__Exercise__
The lines from the first line of the entries through the line containing "BIOINFORMATICS DRY-LAB WORKSPACE',$,#14,$,$,.ELEMENT.,137.8999);" are to be repeated exactly, with both of those lines included.

__Data records__
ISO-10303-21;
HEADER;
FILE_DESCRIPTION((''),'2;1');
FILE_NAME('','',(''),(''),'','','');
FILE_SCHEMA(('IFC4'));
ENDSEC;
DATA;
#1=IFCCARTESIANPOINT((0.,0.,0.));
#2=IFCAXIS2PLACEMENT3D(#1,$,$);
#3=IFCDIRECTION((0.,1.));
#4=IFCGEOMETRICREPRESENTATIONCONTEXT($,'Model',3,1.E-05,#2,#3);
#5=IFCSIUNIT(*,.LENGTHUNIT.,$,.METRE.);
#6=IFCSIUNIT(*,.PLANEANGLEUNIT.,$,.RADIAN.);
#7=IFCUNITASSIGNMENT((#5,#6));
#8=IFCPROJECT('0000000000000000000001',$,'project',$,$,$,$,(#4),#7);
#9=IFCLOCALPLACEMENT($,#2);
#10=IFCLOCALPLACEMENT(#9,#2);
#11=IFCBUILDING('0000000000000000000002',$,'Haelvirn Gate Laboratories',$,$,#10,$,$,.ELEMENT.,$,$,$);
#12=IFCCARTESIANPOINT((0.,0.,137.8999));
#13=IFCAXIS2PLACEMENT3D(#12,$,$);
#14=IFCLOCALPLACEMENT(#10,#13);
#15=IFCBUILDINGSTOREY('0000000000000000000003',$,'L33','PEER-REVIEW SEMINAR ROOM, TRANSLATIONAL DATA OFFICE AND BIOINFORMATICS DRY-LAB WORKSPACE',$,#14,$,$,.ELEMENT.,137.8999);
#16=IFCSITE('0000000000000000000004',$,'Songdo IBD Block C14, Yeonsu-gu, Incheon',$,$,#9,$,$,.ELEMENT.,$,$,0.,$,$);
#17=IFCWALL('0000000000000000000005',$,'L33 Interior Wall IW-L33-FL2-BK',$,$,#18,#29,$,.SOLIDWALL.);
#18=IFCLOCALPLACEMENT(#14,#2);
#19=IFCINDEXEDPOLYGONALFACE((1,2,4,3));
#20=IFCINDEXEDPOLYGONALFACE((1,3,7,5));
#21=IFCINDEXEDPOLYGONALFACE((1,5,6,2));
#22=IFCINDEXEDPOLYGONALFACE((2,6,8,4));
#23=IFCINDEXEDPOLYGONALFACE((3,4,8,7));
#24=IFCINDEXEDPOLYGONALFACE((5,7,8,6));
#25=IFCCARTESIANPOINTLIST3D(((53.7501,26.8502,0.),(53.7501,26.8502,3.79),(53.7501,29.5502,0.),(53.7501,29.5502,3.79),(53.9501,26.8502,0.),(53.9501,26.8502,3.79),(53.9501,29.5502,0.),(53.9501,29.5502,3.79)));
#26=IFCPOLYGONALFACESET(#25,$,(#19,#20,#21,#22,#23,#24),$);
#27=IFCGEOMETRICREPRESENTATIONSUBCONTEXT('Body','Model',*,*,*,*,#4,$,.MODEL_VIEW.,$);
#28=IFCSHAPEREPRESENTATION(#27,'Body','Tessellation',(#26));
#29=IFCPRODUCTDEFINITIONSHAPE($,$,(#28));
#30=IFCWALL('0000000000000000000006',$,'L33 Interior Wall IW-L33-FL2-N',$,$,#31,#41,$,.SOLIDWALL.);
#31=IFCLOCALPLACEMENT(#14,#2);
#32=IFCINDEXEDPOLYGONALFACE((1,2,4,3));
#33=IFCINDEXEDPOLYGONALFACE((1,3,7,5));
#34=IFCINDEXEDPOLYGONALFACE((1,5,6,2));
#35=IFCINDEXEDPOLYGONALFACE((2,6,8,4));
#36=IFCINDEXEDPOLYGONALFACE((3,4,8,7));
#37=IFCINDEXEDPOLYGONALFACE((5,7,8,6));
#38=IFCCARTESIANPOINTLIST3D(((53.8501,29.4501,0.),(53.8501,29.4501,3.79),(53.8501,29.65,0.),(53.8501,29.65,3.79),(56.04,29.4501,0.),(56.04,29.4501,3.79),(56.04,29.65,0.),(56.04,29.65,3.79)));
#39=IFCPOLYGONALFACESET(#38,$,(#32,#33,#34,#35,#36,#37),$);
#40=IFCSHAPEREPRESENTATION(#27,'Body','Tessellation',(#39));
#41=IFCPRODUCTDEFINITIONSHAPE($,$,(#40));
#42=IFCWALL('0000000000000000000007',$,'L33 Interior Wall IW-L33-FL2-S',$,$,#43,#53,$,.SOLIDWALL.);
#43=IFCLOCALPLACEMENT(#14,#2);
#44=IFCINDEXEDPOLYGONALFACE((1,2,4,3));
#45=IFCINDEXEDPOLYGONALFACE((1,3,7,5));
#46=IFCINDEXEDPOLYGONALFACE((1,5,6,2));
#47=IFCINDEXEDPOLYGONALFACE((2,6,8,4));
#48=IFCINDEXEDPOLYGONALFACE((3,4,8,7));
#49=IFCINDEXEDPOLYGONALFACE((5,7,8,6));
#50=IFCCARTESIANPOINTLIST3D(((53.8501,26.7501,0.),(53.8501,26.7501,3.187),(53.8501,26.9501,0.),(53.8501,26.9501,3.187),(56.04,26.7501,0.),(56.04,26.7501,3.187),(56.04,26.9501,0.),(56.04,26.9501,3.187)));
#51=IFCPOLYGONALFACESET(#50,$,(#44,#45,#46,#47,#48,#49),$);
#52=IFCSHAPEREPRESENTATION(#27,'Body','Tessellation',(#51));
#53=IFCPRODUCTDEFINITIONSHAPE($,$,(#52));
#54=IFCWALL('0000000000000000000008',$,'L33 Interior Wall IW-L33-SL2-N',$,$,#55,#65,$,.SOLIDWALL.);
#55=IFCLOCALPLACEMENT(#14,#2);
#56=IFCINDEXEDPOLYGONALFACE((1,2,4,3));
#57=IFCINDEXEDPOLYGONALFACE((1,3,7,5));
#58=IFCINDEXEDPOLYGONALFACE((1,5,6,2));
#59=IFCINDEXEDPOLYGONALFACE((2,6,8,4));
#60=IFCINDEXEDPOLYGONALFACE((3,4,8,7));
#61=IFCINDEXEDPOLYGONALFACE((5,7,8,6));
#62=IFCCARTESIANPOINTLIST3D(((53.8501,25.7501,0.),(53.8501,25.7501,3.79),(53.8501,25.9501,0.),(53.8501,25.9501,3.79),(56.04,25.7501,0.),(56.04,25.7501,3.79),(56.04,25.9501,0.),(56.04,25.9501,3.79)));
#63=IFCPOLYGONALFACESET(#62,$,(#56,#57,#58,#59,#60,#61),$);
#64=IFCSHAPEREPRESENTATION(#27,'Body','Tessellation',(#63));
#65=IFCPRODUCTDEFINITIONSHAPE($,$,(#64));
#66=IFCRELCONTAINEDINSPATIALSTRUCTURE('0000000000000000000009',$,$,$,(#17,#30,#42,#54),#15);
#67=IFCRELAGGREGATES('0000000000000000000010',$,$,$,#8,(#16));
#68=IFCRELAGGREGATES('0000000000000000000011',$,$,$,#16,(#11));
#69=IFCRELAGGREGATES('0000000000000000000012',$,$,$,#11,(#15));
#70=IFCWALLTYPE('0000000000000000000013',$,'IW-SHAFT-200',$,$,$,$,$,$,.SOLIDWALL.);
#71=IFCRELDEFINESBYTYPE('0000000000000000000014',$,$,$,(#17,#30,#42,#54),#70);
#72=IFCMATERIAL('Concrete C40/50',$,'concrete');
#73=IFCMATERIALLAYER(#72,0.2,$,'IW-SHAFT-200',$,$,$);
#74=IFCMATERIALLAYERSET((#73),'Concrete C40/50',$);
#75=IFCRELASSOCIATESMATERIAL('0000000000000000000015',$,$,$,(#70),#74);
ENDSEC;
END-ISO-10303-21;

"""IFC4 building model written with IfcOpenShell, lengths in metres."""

from ifc_helpers import new_model, si_unit, direction, frame, frame_2d, origin, place, context, subcontext, project, spatial, rectangle, extrude, material, layer, layer_set, type_object, element, save


model = new_model("IFC4")

# Units and contexts
model_context = context("Model", 3, precision=1e-05, world=origin(), true_north=direction((0.0, 1.0)))
body_context = subcontext(model_context, "Body", "Model", "MODEL_VIEW")
ifc_project = project(units=[si_unit("LENGTHUNIT", "METRE"), si_unit("PLANEANGLEUNIT", "RADIAN")], contexts=[model_context])

# Site, building, storey
site_placement = place(None, origin())
site = spatial("IfcSite", under=ifc_project, at=site_placement, Name="Songdo IBD Block C14, Yeonsu-gu, Incheon", CompositionType="ELEMENT", RefElevation=0.0)
building_placement = place(site_placement, origin())
building = spatial("IfcBuilding", under=site, at=building_placement, Name="Haelvirn Gate Laboratories", CompositionType="ELEMENT")
storey_placement = place(building_placement, frame((0.0, 0.0, 137.8999)))
storey = spatial("IfcBuildingStorey", under=building, at=storey_placement, Name="L33", Description="PEER-REVIEW SEMINAR ROOM, TRANSLATIONAL DATA OFFICE AND BIOINFORMATICS DRY-LAB WORKSPACE", CompositionType="ELEMENT", Elevation=137.8999)

# Walls
ifc_material_1 = material(Name="Concrete C40/50", Category="concrete")
ifc_layer_1 = layer(ifc_material_1, 0.2, Name="IW-SHAFT-200")
ifc_layer_set_1 = layer_set([ifc_layer_1], Name="Concrete C40/50")
wall_type_1 = type_object("IfcWallType", Name="IW-SHAFT-200", PredefinedType="SOLIDWALL", material=ifc_layer_set_1)
wall_1_placement = place(storey_placement, frame((53.8501, 26.8501, 0.0), z_axis=(0.0, 0.0, 1.0), x_axis=(0.0, 1.0, 0.0)))
element("IfcWall", 1, at=wall_1_placement, inside=storey, type_object=wall_type_1, Name="L33 Interior Wall IW-L33-FL2-BK", PredefinedType="SOLIDWALL", context=body_context, shape_type="SweptSolid", body=[
    extrude(rectangle(XDim=2.7, YDim=0.2, at=frame_2d((1.3501, 0.0))), origin(), (0.0, 0.0, 1.0), 3.79),
])
wall_2_placement = place(storey_placement, frame((53.8501, 29.55, 0.0), z_axis=(0.0, 0.0, 1.0), x_axis=(1.0, 0.0, 0.0)))
element("IfcWall", 2, at=wall_2_placement, inside=storey, type_object=wall_type_1, Name="L33 Interior Wall IW-L33-FL2-N", PredefinedType="SOLIDWALL", context=body_context, shape_type="SweptSolid", body=[
    extrude(rectangle(XDim=2.1899, YDim=0.2, at=frame_2d((1.095, 0.0))), origin(), (0.0, 0.0, 1.0), 3.79),
])
wall_3_placement = place(storey_placement, frame((53.8501, 26.8501, 0.0), z_axis=(0.0, 0.0, 1.0), x_axis=(1.0, 0.0, 0.0)))
element("IfcWall", 3, at=wall_3_placement, inside=storey, type_object=wall_type_1, Name="L33 Interior Wall IW-L33-FL2-S", PredefinedType="SOLIDWALL", context=body_context, shape_type="SweptSolid", body=[
    extrude(rectangle(XDim=2.1899, YDim=0.2, at=frame_2d((1.095, 0.0))), origin(), (0.0, 0.0, 1.0), 3.187),
])
wall_4_placement = place(storey_placement, frame((53.8501, 25.8501, 0.0), z_axis=(0.0, 0.0, 1.0), x_axis=(1.0, 0.0, 0.0)))
element("IfcWall", 4, at=wall_4_placement, inside=storey, type_object=wall_type_1, Name="L33 Interior Wall IW-L33-SL2-N", PredefinedType="SOLIDWALL", context=body_context, shape_type="SweptSolid", body=[
    extrude(rectangle(XDim=2.1899, YDim=0.2, at=frame_2d((1.095, 0.0))), origin(), (0.0, 0.0, 1.0), 3.79),
])

save(model, "model.ifc")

__Response to the task__
ISO-10303-21;
HEADER;
FILE_DESCRIPTION((''),'2;1');
FILE_NAME('','',(''),(''),'','','');
FILE_SCHEMA(('IFC4'));
ENDSEC;
DATA;
#1=IFCCARTESIANPOINT((0.,0.,0.));
#2=IFCAXIS2PLACEMENT3D(#1,$,$);
#3=IFCDIRECTION((0.,1.));
#4=IFCGEOMETRICREPRESENTATIONCONTEXT($,'Model',3,1.E-05,#2,#3);
#5=IFCSIUNIT(*,.LENGTHUNIT.,$,.METRE.);
#6=IFCSIUNIT(*,.PLANEANGLEUNIT.,$,.RADIAN.);
#7=IFCUNITASSIGNMENT((#5,#6));
#8=IFCPROJECT('0000000000000000000001',$,'project',$,$,$,$,(#4),#7);
#9=IFCLOCALPLACEMENT($,#2);
#10=IFCLOCALPLACEMENT(#9,#2);
#11=IFCBUILDING('0000000000000000000002',$,'Haelvirn Gate Laboratories',$,$,#10,$,$,.ELEMENT.,$,$,$);
#12=IFCCARTESIANPOINT((0.,0.,137.8999));
#13=IFCAXIS2PLACEMENT3D(#12,$,$);
#14=IFCLOCALPLACEMENT(#10,#13);
#15=IFCBUILDINGSTOREY('0000000000000000000003',$,'L33','PEER-REVIEW SEMINAR ROOM, TRANSLATIONAL DATA OFFICE AND BIOINFORMATICS DRY-LAB WORKSPACE',$,#14,$,$,.ELEMENT.,137.8999);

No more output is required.